Start of Information shown

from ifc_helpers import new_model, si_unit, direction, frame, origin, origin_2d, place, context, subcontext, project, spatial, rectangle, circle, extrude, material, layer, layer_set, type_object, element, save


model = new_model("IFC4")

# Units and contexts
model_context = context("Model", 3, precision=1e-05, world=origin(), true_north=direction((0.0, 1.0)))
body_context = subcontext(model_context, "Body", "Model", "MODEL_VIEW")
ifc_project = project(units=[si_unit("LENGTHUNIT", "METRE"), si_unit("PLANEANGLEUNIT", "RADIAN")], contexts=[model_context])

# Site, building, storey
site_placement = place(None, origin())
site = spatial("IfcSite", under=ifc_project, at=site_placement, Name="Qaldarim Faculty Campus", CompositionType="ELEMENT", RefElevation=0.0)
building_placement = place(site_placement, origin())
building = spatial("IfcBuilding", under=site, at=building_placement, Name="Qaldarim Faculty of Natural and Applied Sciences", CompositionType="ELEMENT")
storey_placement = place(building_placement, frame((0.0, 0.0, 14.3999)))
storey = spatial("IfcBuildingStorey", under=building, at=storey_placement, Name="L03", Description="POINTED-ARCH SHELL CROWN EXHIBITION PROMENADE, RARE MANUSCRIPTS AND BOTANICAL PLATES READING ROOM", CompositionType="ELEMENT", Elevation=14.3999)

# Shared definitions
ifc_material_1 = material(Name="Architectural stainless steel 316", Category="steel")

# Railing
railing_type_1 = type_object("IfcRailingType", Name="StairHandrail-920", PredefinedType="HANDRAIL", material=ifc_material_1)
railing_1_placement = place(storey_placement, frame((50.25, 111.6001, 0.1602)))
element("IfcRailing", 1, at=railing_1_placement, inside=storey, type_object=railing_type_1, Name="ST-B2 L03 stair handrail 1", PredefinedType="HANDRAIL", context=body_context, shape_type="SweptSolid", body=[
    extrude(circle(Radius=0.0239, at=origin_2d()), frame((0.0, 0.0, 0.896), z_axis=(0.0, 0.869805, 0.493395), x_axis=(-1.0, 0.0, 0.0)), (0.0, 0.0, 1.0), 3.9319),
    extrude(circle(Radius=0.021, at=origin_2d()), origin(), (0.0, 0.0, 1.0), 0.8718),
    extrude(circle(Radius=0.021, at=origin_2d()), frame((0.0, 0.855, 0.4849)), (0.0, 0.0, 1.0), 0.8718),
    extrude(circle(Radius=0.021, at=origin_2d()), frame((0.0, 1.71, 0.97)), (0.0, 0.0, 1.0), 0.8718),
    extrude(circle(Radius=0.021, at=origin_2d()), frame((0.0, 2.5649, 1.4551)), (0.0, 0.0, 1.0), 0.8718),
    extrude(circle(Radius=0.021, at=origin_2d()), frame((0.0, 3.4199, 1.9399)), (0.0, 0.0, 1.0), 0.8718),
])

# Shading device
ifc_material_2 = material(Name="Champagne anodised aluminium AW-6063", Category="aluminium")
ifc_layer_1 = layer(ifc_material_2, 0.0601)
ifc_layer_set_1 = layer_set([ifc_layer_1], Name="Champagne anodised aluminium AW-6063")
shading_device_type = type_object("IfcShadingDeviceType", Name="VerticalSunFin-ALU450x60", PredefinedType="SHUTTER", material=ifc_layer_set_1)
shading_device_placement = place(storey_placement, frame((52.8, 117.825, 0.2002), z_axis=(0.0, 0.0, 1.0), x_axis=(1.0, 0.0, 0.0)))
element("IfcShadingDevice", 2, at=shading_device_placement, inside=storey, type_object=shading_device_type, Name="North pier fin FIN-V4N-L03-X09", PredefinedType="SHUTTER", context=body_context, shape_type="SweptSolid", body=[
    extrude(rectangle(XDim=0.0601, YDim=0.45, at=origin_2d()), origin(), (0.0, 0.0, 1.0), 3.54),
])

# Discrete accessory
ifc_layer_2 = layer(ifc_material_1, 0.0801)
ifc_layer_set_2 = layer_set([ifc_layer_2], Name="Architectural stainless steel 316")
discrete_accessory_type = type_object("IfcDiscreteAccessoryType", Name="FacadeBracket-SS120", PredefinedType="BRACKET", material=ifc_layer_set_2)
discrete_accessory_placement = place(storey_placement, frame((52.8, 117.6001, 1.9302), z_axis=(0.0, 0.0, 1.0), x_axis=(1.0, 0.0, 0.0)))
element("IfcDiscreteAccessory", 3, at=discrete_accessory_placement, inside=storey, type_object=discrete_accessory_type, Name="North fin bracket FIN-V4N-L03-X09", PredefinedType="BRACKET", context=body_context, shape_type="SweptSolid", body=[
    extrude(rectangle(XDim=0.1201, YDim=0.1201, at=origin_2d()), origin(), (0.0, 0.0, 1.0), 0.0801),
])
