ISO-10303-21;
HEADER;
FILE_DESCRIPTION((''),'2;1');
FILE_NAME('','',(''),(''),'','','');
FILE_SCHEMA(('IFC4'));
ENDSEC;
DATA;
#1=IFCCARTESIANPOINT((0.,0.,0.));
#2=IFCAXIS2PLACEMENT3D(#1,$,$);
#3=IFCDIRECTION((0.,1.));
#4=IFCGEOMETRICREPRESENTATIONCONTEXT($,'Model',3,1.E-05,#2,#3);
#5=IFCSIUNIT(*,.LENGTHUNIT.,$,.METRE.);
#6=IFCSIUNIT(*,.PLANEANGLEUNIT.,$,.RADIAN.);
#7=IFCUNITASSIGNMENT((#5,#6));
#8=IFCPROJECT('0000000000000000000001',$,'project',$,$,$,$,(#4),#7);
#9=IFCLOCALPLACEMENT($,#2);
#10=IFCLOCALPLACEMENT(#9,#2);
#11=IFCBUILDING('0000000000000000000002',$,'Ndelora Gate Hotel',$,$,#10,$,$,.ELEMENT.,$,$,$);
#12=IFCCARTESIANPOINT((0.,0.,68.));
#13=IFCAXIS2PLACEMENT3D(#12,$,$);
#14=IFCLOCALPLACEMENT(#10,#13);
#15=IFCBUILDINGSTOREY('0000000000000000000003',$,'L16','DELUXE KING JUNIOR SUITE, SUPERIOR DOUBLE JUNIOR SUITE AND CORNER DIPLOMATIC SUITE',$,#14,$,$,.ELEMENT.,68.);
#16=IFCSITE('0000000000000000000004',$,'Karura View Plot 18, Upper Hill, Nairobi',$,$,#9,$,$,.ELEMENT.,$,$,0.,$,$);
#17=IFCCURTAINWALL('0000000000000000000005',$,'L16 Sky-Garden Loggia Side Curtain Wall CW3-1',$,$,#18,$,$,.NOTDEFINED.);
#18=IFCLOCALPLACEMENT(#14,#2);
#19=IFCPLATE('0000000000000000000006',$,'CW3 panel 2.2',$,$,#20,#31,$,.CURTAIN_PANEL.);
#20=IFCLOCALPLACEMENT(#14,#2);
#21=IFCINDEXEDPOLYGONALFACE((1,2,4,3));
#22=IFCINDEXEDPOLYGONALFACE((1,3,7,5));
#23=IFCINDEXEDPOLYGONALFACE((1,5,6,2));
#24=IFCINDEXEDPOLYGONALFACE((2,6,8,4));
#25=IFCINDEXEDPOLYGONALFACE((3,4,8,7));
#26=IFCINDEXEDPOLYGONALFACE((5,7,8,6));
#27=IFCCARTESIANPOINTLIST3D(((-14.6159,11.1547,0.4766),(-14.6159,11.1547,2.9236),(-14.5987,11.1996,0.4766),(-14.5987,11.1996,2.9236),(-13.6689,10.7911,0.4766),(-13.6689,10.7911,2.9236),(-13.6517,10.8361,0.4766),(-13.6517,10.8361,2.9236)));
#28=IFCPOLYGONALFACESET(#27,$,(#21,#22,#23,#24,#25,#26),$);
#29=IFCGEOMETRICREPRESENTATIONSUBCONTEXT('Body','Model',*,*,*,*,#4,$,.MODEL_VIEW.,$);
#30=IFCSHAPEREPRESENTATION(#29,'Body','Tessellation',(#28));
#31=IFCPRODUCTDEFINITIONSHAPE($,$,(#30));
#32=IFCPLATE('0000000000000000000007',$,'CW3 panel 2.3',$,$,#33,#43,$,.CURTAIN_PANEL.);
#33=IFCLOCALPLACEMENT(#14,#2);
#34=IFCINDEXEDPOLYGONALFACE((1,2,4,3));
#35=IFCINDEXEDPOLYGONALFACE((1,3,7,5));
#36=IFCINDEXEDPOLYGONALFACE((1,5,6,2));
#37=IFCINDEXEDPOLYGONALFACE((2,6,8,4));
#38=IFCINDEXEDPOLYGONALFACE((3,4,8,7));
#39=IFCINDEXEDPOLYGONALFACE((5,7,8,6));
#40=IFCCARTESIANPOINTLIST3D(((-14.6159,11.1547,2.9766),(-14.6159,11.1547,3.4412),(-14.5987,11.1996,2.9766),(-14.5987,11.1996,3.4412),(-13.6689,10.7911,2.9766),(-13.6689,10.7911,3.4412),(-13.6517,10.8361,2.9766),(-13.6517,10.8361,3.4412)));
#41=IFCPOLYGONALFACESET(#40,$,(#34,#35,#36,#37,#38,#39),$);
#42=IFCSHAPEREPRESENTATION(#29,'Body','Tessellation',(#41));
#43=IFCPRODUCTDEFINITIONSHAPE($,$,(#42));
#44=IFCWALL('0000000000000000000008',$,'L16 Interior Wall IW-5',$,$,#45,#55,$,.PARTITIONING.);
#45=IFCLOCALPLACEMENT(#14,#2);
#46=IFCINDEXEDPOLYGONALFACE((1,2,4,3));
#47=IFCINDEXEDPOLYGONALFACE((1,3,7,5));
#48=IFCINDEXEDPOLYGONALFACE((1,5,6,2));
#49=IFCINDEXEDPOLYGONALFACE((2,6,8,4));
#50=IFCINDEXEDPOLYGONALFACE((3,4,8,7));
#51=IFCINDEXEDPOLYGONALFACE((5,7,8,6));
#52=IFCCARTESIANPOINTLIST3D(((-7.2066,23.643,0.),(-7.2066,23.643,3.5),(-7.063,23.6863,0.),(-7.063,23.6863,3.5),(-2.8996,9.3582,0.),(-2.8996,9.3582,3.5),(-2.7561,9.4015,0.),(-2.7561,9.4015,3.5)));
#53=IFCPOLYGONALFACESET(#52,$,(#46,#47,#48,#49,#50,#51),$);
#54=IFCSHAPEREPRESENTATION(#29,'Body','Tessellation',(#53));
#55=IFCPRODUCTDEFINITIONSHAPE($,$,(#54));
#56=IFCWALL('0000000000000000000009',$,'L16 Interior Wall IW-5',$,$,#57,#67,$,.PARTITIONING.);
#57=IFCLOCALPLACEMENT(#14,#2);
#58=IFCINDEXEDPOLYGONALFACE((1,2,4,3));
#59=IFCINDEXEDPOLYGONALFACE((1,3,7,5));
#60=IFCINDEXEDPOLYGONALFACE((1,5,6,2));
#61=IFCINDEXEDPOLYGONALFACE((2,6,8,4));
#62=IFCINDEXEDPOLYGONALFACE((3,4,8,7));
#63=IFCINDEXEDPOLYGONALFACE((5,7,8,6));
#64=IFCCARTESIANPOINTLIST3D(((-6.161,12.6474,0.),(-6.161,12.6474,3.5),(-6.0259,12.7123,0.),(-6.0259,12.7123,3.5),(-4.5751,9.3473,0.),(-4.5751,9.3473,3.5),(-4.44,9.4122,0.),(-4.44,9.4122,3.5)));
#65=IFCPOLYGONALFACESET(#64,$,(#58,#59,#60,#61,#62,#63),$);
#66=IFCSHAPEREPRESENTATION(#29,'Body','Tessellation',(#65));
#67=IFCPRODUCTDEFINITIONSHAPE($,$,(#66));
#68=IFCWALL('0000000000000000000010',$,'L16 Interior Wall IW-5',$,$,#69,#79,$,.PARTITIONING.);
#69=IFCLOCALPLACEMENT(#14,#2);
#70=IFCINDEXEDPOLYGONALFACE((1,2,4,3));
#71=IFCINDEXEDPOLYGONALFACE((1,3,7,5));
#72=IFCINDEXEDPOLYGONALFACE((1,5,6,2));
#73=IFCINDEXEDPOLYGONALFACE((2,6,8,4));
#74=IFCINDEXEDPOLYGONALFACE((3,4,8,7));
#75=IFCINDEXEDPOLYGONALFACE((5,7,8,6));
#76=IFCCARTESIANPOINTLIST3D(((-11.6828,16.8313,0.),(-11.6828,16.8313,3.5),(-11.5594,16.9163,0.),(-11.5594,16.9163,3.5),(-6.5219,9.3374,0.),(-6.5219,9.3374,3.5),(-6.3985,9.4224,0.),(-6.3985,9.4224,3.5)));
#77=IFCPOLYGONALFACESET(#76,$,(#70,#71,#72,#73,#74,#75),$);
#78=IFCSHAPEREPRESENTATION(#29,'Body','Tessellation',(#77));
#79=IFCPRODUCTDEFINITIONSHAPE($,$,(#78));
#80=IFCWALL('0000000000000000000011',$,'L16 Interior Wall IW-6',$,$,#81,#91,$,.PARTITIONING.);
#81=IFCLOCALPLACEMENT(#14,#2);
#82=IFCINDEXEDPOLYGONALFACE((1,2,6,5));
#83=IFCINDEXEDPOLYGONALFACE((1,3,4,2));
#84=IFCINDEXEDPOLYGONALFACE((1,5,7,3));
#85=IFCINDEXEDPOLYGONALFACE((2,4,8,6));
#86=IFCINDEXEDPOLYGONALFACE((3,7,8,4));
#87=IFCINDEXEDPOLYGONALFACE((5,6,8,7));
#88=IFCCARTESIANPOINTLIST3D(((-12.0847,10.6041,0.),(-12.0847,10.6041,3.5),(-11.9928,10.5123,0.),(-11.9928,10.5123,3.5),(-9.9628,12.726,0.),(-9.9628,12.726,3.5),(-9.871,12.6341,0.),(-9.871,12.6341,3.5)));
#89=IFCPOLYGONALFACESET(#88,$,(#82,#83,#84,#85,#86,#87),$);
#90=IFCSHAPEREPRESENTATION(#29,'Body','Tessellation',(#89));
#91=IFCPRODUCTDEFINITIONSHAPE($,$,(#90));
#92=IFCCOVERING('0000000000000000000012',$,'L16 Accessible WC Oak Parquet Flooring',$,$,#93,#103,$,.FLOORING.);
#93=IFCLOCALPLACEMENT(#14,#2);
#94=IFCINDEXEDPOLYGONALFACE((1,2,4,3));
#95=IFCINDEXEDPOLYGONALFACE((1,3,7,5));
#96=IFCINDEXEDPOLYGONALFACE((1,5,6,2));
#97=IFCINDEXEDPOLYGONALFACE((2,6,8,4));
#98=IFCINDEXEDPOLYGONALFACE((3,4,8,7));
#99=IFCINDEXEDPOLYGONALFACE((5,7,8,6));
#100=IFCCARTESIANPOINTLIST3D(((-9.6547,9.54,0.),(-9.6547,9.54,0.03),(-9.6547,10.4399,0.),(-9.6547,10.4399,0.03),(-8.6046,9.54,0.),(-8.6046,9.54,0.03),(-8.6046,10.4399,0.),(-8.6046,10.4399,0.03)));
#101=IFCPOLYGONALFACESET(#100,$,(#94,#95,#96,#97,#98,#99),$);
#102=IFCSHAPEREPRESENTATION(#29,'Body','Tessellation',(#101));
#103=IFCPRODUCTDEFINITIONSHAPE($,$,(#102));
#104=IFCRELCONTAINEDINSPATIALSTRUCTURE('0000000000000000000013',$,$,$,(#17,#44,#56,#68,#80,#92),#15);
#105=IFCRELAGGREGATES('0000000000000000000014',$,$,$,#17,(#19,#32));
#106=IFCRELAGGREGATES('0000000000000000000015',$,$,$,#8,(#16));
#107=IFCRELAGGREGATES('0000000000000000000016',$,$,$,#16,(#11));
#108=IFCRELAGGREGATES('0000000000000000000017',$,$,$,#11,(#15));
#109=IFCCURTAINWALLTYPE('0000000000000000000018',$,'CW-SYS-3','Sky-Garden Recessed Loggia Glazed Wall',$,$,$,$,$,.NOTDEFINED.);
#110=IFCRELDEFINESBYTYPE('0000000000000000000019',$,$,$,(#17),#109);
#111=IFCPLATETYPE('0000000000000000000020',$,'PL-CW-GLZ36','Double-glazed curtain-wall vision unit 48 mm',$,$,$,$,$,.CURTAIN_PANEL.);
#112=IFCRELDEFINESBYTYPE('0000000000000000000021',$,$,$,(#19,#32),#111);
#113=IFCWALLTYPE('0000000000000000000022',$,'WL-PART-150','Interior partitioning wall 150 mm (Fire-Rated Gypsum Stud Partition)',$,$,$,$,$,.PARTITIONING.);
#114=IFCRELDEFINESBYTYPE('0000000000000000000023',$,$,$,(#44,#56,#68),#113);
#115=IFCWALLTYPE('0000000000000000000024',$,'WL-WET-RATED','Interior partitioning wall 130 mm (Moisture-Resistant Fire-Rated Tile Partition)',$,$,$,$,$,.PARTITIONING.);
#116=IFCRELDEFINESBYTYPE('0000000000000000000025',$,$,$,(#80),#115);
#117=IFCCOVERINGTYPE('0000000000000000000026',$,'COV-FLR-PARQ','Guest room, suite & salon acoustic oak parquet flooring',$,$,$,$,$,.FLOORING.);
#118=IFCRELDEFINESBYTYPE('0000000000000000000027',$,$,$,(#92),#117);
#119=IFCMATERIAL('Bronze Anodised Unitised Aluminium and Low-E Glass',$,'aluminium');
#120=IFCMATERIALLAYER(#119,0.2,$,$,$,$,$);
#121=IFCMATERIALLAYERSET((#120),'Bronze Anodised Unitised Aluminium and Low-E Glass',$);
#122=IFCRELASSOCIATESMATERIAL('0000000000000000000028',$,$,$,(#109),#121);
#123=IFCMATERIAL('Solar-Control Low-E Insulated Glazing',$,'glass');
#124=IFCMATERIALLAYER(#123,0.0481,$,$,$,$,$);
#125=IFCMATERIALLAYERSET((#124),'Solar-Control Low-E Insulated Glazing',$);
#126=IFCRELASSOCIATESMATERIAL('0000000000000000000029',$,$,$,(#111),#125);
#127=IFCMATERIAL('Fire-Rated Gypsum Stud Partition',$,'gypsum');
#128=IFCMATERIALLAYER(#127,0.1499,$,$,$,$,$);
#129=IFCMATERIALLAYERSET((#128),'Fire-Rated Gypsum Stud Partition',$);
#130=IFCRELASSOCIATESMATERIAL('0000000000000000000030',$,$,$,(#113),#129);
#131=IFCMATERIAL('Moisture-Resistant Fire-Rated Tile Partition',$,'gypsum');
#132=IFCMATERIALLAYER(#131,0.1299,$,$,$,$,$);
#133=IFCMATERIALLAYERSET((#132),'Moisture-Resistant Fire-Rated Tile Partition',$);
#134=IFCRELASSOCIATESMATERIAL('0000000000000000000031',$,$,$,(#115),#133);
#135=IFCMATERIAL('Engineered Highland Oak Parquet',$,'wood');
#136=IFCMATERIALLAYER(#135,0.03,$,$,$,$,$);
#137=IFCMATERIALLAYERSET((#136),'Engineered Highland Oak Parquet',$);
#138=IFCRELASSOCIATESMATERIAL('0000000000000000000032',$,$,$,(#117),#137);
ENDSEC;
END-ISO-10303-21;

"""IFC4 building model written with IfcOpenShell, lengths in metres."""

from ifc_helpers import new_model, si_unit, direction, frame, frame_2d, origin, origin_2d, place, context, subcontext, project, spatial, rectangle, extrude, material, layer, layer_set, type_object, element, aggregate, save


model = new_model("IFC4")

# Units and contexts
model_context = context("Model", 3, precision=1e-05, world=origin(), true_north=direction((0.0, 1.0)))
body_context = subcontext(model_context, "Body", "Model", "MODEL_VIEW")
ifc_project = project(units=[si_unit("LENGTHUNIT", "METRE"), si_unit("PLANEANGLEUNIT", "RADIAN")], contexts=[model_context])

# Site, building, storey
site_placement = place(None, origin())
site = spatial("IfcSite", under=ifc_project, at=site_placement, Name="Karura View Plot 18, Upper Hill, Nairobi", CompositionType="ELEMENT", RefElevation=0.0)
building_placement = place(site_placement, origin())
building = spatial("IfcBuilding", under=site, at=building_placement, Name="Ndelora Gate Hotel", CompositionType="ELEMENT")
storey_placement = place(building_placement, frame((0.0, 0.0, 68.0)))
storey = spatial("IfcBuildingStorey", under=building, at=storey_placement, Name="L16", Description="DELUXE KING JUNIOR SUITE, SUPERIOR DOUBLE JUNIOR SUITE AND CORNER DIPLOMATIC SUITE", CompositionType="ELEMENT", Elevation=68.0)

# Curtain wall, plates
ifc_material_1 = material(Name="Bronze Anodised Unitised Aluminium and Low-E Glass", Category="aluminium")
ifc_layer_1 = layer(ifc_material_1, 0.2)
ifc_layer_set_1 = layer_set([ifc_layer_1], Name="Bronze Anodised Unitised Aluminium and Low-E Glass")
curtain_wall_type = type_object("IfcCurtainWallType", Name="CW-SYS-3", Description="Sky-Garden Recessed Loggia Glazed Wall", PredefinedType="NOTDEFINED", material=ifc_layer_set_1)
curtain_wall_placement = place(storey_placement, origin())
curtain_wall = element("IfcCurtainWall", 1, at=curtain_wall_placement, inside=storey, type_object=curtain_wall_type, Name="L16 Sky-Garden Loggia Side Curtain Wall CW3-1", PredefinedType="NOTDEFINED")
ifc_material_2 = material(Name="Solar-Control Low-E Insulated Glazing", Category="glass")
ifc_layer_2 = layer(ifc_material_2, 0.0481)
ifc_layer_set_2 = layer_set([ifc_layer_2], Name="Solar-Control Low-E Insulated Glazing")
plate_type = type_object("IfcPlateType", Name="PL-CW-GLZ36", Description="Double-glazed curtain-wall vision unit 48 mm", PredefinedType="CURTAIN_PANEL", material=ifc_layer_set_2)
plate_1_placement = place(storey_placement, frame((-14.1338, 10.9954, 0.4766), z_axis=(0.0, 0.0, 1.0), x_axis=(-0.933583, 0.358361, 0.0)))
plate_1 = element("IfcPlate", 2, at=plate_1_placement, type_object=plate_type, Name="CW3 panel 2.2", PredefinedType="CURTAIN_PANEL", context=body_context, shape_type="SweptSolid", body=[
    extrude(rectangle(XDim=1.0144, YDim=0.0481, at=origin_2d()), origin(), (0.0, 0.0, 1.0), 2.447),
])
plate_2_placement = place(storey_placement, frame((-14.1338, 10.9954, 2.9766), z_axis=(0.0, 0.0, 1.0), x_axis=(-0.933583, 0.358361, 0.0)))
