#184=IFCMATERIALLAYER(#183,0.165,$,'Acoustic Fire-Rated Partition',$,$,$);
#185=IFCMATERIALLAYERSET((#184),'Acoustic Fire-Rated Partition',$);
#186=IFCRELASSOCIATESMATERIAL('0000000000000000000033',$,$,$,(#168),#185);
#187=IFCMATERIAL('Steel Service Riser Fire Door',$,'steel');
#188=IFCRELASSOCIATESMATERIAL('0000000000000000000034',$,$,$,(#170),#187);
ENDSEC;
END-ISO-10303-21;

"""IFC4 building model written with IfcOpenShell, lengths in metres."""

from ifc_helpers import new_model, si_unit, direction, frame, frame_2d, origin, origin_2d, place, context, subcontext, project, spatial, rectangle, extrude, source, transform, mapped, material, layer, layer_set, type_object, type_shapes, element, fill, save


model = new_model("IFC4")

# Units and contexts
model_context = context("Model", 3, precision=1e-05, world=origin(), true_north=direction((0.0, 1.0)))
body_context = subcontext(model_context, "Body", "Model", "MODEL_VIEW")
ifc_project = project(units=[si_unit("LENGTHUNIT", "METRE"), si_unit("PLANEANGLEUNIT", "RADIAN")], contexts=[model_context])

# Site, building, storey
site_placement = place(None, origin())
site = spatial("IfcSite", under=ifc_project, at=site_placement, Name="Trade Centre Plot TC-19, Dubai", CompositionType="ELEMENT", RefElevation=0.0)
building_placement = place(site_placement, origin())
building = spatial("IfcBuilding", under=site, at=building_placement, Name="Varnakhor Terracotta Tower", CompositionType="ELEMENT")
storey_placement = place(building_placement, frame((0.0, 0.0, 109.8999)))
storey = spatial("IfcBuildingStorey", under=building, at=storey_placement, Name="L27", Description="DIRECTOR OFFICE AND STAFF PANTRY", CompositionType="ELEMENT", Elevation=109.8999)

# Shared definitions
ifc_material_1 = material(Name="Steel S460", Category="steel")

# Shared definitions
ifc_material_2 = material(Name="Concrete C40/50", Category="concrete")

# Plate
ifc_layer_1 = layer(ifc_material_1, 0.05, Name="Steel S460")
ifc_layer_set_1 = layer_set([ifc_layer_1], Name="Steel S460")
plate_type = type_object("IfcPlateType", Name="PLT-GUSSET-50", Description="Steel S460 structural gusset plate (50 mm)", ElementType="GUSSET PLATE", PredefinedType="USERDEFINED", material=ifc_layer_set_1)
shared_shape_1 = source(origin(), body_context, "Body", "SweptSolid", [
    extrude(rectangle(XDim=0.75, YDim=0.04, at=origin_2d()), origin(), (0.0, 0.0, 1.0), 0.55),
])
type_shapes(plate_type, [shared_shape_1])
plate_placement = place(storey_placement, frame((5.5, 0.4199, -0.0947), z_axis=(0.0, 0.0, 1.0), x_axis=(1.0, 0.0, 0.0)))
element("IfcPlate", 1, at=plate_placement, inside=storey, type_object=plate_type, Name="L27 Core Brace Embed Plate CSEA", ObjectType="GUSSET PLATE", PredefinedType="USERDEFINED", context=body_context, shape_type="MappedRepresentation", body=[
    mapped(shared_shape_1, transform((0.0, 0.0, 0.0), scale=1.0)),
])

End of Information shown

> **Exercise goal**
Go through the records and count the lines that include the string "Highland"; state that number alone.

> **Exercise solution**
2